------ Data for this task ------
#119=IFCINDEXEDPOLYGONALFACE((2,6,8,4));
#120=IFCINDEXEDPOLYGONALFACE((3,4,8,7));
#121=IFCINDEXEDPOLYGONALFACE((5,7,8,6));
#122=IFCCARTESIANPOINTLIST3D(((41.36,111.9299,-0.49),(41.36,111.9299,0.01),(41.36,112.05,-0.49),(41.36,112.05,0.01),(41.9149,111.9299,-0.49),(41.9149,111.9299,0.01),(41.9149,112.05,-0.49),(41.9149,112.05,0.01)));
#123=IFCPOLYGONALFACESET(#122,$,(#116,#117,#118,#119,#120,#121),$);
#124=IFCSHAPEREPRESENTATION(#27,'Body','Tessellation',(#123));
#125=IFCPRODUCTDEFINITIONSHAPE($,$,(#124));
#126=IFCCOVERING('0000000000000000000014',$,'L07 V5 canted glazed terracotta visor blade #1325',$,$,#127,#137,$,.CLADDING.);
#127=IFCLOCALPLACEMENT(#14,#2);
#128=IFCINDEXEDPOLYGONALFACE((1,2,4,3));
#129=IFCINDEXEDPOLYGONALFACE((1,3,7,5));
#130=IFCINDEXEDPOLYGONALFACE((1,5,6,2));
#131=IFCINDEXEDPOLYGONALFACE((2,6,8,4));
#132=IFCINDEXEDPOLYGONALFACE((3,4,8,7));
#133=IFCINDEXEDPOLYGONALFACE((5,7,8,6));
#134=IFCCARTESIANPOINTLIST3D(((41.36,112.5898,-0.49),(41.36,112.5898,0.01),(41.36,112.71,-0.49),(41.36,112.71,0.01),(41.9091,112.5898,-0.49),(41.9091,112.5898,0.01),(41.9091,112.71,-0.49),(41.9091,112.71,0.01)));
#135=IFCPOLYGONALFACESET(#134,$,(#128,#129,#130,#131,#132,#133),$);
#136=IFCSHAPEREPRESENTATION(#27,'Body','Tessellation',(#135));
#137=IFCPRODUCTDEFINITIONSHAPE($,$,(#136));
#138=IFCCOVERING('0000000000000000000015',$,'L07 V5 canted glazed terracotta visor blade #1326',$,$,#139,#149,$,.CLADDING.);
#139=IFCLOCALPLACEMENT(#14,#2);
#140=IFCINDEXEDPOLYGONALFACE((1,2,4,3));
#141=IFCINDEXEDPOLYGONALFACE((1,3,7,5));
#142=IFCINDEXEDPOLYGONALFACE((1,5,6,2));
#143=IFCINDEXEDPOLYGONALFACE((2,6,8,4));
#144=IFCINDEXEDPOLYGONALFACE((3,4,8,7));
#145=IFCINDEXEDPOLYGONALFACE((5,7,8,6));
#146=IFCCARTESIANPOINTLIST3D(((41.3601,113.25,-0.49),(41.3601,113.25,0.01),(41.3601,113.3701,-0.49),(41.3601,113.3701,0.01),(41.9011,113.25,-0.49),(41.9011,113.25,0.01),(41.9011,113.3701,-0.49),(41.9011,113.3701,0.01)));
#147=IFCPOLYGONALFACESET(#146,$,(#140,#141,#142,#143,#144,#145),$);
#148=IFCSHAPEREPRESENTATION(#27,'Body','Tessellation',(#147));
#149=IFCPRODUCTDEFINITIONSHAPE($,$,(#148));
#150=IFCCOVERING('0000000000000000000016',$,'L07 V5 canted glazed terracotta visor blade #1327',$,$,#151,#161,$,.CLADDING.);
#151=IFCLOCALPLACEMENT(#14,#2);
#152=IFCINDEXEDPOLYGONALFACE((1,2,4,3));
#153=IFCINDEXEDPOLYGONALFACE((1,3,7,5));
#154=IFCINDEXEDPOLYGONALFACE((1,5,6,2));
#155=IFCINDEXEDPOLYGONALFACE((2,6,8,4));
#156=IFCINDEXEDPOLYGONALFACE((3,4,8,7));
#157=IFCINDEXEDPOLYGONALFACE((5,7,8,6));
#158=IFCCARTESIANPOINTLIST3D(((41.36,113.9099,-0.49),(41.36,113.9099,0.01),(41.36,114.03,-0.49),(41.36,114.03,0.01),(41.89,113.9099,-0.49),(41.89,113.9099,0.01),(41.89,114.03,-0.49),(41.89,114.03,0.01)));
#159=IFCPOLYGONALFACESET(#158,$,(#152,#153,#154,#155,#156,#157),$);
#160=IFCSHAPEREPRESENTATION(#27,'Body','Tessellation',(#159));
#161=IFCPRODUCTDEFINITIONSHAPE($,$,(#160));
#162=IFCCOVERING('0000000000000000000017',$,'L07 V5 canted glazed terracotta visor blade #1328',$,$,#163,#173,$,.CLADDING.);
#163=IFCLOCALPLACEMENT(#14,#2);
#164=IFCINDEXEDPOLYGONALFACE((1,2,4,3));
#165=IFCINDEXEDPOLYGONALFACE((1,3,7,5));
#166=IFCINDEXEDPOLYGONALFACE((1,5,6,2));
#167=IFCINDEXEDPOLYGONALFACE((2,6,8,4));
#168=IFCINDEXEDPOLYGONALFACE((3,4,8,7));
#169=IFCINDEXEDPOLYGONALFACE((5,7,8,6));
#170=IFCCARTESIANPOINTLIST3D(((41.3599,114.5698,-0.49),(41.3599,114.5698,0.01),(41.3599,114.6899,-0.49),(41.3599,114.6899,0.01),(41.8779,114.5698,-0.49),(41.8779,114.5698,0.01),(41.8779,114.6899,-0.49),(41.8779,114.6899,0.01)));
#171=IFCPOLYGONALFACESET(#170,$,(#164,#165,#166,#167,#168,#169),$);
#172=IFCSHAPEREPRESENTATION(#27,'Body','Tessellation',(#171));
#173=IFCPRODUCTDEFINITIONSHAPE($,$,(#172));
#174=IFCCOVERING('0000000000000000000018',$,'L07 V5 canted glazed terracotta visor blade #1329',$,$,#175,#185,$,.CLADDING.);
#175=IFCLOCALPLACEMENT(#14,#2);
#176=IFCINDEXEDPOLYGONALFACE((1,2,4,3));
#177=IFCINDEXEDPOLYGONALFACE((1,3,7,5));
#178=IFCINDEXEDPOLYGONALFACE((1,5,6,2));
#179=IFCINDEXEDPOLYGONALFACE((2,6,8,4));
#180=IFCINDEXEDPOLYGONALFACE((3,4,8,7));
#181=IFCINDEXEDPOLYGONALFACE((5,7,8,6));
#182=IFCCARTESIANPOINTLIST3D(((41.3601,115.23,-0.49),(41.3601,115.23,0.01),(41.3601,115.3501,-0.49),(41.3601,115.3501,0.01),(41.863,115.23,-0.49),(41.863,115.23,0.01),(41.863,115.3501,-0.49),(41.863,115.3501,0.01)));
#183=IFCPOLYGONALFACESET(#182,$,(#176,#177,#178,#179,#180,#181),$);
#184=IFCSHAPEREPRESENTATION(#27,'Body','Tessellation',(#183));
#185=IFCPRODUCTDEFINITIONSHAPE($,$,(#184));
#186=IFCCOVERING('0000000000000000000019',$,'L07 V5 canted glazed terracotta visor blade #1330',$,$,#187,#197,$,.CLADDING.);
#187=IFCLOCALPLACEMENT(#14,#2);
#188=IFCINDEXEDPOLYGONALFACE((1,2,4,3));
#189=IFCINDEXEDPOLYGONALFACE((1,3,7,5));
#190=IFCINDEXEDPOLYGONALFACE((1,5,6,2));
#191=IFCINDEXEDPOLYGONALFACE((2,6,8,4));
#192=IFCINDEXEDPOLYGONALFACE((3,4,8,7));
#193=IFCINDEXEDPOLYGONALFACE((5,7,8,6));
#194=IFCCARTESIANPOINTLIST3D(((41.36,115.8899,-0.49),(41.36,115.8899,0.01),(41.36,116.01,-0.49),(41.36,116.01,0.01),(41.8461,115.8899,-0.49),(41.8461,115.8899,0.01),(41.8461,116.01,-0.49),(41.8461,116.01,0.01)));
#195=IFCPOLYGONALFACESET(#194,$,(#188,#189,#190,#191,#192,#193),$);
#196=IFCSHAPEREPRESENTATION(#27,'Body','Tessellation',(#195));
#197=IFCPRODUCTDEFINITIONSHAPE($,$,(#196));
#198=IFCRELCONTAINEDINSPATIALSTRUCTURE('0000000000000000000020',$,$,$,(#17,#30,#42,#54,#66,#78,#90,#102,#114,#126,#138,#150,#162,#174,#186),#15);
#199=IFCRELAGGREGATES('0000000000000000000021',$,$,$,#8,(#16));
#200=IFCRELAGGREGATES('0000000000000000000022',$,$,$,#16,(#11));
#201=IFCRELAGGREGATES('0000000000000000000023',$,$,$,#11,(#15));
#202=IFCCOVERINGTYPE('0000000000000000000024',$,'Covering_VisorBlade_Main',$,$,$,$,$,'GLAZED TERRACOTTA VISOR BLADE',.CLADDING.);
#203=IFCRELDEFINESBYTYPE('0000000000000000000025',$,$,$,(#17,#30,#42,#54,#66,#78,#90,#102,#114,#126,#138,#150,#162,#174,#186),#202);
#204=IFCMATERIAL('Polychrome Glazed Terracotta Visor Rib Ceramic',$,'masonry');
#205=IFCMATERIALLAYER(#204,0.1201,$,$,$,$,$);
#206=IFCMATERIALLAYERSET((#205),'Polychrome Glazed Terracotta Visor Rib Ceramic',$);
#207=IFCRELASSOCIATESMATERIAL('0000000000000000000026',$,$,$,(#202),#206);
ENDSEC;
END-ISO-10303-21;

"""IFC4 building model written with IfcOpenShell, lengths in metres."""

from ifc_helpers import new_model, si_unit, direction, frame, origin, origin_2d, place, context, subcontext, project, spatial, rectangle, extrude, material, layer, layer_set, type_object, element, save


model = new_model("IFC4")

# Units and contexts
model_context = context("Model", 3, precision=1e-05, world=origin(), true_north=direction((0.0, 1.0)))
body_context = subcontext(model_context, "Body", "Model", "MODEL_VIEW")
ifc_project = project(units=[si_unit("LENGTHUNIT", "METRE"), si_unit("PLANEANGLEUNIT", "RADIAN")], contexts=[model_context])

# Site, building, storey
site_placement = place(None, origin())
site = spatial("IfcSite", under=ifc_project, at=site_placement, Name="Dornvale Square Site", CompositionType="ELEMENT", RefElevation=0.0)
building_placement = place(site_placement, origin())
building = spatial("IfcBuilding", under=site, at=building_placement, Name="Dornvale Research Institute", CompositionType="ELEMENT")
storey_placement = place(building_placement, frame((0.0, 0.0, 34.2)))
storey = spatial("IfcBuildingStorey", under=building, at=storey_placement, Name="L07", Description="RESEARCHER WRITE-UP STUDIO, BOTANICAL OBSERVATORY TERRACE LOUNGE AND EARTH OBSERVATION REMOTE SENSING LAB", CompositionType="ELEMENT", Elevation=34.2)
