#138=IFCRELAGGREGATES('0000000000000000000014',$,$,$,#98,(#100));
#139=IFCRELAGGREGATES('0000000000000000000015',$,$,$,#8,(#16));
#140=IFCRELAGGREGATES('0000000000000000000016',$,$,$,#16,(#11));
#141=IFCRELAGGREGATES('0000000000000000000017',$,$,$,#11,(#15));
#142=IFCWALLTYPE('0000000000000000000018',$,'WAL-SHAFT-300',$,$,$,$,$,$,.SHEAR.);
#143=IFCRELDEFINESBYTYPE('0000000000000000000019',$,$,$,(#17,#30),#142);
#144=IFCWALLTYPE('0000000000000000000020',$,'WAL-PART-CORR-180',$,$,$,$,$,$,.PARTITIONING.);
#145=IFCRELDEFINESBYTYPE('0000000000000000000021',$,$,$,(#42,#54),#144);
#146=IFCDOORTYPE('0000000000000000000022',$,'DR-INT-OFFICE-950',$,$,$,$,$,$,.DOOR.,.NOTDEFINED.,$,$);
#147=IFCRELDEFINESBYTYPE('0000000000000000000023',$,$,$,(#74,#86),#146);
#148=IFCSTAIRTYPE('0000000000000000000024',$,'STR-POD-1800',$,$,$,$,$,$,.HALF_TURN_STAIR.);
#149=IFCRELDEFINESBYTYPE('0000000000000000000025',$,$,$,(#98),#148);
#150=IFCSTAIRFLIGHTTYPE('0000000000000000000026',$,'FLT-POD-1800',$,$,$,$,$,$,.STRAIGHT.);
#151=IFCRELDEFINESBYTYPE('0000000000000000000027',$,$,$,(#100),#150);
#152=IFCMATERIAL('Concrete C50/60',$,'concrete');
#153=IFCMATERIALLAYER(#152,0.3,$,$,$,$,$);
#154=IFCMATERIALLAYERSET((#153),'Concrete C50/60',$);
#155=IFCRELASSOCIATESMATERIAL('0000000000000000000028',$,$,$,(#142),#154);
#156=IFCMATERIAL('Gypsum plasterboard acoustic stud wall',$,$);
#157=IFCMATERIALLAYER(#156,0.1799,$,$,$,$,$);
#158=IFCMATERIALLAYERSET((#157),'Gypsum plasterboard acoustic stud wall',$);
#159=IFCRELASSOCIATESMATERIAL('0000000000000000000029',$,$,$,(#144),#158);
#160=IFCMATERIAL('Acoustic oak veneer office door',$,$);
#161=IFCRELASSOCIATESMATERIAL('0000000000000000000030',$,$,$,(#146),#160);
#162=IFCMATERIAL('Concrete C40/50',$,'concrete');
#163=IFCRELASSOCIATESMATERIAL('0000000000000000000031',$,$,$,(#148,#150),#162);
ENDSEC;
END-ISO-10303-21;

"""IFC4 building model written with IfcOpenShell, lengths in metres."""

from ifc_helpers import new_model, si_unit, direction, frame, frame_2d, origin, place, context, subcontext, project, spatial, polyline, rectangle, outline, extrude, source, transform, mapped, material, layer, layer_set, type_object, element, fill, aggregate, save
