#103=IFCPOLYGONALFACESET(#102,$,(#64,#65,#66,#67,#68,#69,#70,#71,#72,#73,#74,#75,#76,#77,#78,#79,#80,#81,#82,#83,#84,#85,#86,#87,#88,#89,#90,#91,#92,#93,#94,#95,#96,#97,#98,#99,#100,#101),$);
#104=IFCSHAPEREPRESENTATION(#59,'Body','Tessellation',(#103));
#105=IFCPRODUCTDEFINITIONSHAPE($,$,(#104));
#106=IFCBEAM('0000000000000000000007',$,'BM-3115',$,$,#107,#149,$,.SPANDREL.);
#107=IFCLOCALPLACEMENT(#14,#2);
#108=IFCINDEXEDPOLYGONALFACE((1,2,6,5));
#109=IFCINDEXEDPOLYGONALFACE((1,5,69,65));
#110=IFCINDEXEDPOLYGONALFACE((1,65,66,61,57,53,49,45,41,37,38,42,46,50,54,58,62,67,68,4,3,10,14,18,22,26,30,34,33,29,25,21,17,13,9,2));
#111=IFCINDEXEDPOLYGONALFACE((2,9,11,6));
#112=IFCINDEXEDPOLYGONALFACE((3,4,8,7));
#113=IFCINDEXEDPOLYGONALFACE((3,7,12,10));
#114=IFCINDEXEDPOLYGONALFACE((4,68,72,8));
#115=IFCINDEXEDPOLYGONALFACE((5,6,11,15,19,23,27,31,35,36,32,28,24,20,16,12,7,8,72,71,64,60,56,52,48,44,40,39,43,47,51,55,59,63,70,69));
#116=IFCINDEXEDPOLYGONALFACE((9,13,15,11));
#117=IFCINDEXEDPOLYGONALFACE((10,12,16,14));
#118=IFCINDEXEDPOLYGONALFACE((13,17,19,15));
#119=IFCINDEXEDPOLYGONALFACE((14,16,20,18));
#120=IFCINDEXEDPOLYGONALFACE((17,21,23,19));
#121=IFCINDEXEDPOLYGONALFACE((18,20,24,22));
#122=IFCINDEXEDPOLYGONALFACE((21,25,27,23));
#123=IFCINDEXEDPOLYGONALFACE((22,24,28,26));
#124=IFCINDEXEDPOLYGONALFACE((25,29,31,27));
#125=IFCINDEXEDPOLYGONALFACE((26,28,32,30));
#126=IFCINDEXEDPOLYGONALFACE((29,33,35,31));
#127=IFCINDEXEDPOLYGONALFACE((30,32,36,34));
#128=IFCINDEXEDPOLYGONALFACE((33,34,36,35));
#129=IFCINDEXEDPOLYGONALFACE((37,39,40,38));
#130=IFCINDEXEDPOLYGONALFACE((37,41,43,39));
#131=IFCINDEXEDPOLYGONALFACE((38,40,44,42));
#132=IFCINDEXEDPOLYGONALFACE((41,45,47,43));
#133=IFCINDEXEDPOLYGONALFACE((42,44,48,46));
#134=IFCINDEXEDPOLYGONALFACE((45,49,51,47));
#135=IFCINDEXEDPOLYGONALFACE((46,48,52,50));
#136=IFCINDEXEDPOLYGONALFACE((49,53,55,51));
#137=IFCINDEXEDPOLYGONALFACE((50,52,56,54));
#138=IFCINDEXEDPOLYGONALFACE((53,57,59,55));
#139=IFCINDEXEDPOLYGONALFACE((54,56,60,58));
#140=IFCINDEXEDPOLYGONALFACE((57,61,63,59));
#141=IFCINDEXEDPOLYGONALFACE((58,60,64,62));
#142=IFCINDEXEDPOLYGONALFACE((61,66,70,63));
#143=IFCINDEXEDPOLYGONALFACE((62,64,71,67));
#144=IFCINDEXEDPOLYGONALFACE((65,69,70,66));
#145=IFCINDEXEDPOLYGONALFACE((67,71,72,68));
------
Among the records above, extract exactly the lines from the line with "#114=IFCINDEXEDPOLYGONALFACE((4,68,72,8));" to the line with "#117=IFCINDEXEDPOLYGONALFACE((10,12,16,14));", both lines included, and leave out the rest.

#114=IFCINDEXEDPOLYGONALFACE((4,68,72,8));
#115=IFCINDEXEDPOLYGONALFACE((5,6,11,15,19,23,27,31,35,36,32,28,24,20,16,12,7,8,72,71,64,60,56,52,48,44,40,39,43,47,51,55,59,63,70,69));
#116=IFCINDEXEDPOLYGONALFACE((9,13,15,11));
#117=IFCINDEXEDPOLYGONALFACE((10,12,16,14));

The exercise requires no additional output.